*** STUDY MATERIAL ***

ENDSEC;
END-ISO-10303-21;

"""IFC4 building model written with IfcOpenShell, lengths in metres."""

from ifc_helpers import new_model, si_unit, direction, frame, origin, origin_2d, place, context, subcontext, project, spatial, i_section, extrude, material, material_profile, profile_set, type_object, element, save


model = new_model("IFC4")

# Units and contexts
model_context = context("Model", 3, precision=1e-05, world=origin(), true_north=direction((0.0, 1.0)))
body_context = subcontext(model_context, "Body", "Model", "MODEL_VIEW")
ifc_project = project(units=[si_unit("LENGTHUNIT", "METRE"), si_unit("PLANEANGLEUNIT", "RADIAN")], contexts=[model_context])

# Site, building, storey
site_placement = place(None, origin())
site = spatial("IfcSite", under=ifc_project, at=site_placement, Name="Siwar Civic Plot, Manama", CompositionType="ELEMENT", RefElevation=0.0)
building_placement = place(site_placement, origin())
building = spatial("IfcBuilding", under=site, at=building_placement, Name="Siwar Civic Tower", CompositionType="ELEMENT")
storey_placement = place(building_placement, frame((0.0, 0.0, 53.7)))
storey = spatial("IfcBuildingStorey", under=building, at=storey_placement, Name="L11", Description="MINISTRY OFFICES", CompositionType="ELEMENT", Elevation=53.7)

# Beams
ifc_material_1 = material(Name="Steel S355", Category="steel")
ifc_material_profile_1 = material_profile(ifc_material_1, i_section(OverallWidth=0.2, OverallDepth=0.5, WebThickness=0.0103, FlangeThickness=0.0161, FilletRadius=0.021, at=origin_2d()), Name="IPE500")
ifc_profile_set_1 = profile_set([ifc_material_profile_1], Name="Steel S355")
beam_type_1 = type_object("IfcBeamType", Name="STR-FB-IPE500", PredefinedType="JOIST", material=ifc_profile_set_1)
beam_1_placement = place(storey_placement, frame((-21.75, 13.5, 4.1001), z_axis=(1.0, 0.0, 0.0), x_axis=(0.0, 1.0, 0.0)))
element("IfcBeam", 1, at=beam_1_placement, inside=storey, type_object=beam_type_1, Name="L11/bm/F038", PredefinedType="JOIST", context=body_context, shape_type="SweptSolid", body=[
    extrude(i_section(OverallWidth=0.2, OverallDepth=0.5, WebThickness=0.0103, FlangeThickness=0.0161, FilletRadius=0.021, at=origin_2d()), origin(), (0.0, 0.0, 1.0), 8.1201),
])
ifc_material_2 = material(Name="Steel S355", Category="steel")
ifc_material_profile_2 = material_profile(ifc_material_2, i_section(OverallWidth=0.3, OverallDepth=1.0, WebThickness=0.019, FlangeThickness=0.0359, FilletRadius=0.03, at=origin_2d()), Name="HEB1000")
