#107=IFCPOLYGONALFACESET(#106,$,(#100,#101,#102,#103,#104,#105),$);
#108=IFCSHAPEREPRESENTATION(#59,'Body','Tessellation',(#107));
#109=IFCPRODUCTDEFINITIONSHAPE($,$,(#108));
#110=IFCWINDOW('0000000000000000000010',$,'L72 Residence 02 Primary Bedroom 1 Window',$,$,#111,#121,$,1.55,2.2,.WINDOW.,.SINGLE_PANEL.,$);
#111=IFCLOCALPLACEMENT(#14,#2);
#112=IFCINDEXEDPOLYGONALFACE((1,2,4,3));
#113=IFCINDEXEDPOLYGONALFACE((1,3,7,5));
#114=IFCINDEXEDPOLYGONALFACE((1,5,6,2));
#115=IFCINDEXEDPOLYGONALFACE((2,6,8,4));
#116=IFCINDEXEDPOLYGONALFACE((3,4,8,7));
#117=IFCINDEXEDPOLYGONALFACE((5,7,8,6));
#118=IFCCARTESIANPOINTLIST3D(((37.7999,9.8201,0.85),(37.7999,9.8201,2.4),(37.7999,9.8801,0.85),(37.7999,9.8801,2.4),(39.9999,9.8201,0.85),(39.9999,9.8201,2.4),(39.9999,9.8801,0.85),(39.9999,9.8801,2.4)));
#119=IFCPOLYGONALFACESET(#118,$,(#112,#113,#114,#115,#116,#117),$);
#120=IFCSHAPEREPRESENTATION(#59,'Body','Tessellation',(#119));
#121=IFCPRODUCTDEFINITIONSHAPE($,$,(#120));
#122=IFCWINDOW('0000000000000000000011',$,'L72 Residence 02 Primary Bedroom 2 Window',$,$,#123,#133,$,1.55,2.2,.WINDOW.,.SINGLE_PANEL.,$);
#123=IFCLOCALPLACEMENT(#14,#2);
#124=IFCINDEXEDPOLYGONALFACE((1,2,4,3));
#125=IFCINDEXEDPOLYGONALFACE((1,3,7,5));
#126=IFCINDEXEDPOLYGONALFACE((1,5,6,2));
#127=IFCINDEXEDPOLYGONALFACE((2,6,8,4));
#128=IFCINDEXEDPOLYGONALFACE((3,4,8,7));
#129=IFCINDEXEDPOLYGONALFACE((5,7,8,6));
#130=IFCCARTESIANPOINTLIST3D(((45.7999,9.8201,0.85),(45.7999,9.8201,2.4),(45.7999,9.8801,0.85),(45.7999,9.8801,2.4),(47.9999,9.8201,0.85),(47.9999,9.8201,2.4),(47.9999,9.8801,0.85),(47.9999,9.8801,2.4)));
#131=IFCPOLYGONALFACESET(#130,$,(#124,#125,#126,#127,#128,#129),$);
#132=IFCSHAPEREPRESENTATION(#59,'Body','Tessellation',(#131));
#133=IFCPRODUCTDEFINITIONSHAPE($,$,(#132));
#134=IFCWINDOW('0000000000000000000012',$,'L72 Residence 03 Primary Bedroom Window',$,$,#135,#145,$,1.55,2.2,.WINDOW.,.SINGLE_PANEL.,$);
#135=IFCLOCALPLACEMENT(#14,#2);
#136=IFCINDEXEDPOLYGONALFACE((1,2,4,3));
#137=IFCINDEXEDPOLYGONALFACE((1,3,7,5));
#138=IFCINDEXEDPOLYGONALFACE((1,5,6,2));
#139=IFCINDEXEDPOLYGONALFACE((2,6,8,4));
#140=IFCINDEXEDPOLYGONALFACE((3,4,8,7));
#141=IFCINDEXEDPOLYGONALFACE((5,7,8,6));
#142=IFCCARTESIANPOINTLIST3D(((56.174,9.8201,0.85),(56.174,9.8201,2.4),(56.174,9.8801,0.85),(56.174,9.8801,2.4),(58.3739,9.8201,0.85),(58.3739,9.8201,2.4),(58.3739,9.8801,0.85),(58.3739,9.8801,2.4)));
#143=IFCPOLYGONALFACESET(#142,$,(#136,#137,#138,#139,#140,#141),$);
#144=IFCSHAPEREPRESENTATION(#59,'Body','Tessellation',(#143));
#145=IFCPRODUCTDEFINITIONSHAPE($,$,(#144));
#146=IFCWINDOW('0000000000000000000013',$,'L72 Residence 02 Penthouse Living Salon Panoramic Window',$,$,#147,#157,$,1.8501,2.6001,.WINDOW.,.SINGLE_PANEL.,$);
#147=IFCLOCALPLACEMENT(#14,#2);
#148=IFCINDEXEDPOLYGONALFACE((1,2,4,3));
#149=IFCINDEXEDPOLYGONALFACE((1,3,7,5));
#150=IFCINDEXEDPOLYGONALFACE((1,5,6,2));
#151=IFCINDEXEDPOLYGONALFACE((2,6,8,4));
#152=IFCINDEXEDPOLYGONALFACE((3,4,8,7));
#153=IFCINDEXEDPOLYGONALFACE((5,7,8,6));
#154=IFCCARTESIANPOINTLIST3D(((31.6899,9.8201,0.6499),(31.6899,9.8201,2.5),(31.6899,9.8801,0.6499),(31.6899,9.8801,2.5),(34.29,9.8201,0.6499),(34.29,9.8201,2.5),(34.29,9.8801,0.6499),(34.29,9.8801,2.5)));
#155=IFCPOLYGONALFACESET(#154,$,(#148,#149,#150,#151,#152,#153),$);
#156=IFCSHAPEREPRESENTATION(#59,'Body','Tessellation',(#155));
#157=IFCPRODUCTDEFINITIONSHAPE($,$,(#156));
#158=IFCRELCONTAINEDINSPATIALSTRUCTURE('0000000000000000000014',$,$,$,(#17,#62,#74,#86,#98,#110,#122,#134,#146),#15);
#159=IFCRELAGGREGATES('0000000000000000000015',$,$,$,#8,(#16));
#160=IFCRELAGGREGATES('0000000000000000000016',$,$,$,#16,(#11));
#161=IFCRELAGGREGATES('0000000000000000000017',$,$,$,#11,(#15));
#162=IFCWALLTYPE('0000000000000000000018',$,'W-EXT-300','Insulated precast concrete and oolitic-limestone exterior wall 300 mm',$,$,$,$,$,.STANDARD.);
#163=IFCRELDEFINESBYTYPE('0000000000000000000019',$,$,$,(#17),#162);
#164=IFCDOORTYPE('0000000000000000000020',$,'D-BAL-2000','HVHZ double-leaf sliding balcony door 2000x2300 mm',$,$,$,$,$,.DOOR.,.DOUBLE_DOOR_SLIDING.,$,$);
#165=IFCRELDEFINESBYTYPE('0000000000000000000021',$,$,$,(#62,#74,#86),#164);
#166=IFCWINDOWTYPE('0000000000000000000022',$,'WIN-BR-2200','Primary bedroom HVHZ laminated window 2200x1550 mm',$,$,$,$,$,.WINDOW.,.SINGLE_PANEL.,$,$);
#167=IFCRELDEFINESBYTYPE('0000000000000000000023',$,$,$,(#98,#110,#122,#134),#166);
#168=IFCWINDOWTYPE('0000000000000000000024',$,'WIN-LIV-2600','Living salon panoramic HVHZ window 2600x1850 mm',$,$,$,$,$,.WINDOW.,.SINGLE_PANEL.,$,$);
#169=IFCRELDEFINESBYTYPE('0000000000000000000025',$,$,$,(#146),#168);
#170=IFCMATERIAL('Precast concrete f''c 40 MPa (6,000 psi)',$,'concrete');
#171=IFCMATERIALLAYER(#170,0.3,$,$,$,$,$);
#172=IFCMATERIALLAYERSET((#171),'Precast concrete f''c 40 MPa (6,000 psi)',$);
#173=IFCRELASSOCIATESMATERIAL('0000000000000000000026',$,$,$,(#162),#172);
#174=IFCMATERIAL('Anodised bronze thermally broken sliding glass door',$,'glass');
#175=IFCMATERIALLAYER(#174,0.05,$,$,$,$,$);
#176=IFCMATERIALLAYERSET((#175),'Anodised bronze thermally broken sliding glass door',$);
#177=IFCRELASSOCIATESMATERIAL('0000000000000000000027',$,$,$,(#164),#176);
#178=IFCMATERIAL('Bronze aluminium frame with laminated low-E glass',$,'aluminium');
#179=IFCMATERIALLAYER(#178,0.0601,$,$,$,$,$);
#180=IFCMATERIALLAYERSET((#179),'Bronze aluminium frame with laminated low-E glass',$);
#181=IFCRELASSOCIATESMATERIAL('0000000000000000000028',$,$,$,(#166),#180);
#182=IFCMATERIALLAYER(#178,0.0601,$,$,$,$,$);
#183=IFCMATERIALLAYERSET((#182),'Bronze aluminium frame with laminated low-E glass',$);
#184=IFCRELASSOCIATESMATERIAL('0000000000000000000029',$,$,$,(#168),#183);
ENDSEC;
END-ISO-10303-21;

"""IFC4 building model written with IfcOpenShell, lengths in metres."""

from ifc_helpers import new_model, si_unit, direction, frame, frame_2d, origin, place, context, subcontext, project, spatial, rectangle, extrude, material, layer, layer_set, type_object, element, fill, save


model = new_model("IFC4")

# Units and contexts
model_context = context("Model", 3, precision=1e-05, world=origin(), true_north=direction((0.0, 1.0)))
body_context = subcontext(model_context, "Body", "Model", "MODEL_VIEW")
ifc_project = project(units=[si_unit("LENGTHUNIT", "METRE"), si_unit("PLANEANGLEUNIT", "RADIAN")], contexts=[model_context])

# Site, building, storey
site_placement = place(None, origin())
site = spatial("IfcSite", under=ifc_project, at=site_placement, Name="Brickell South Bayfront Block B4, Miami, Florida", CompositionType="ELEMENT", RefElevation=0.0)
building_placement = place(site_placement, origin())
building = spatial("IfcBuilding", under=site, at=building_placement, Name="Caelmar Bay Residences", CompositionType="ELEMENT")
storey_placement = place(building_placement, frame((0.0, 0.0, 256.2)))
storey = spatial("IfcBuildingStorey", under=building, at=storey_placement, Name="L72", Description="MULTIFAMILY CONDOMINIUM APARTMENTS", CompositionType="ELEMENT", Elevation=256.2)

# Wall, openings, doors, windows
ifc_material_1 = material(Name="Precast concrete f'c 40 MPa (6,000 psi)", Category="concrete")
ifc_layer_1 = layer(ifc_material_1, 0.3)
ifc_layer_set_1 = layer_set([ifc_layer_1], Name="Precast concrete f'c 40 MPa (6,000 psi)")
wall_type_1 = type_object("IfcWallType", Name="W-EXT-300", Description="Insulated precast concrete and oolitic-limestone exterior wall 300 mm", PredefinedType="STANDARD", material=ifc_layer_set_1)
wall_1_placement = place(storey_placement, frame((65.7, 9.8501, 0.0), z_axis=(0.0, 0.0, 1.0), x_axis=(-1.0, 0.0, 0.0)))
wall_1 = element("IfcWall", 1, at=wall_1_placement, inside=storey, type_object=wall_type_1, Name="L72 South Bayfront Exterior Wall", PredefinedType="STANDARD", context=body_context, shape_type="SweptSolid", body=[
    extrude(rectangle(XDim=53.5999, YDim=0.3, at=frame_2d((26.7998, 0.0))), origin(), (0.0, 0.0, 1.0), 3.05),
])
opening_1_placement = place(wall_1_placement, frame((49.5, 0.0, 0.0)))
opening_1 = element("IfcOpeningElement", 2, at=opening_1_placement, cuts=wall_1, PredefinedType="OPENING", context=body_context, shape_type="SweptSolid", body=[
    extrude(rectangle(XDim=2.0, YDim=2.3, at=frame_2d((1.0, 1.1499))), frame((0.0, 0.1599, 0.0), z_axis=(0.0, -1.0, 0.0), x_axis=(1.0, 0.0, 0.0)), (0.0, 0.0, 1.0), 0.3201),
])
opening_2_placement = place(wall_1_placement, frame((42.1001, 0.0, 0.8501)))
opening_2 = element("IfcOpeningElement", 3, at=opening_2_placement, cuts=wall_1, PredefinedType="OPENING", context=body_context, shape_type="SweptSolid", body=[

*** End of STUDY MATERIAL ***

PROBLEM TO WORK ON >> Copy nothing except the lines from the one holding "ifc_layer_1 = layer(ifc_material_1, 0.3)" through the last line of the data above, and return them exactly.

RESPONSE TO THIS EXERCISE >>
ifc_layer_1 = layer(ifc_material_1, 0.3)
ifc_layer_set_1 = layer_set([ifc_layer_1], Name="Precast concrete f'c 40 MPa (6,000 psi)")
wall_type_1 = type_object("IfcWallType", Name="W-EXT-300", Description="Insulated precast concrete and oolitic-limestone exterior wall 300 mm", PredefinedType="STANDARD", material=ifc_layer_set_1)
wall_1_placement = place(storey_placement, frame((65.7, 9.8501, 0.0), z_axis=(0.0, 0.0, 1.0), x_axis=(-1.0, 0.0, 0.0)))
wall_1 = element("IfcWall", 1, at=wall_1_placement, inside=storey, type_object=wall_type_1, Name="L72 South Bayfront Exterior Wall", PredefinedType="STANDARD", context=body_context, shape_type="SweptSolid", body=[
    extrude(rectangle(XDim=53.5999, YDim=0.3, at=frame_2d((26.7998, 0.0))), origin(), (0.0, 0.0, 1.0), 3.05),
])
opening_1_placement = place(wall_1_placement, frame((49.5, 0.0, 0.0)))
opening_1 = element("IfcOpeningElement", 2, at=opening_1_placement, cuts=wall_1, PredefinedType="OPENING", context=body_context, shape_type="SweptSolid", body=[
    extrude(rectangle(XDim=2.0, YDim=2.3, at=frame_2d((1.0, 1.1499))), frame((0.0, 0.1599, 0.0), z_axis=(0.0, -1.0, 0.0), x_axis=(1.0, 0.0, 0.0)), (0.0, 0.0, 1.0), 0.3201),
])
opening_2_placement = place(wall_1_placement, frame((42.1001, 0.0, 0.8501)))
opening_2 = element("IfcOpeningElement", 3, at=opening_2_placement, cuts=wall_1, PredefinedType="OPENING", context=body_context, shape_type="SweptSolid", body=[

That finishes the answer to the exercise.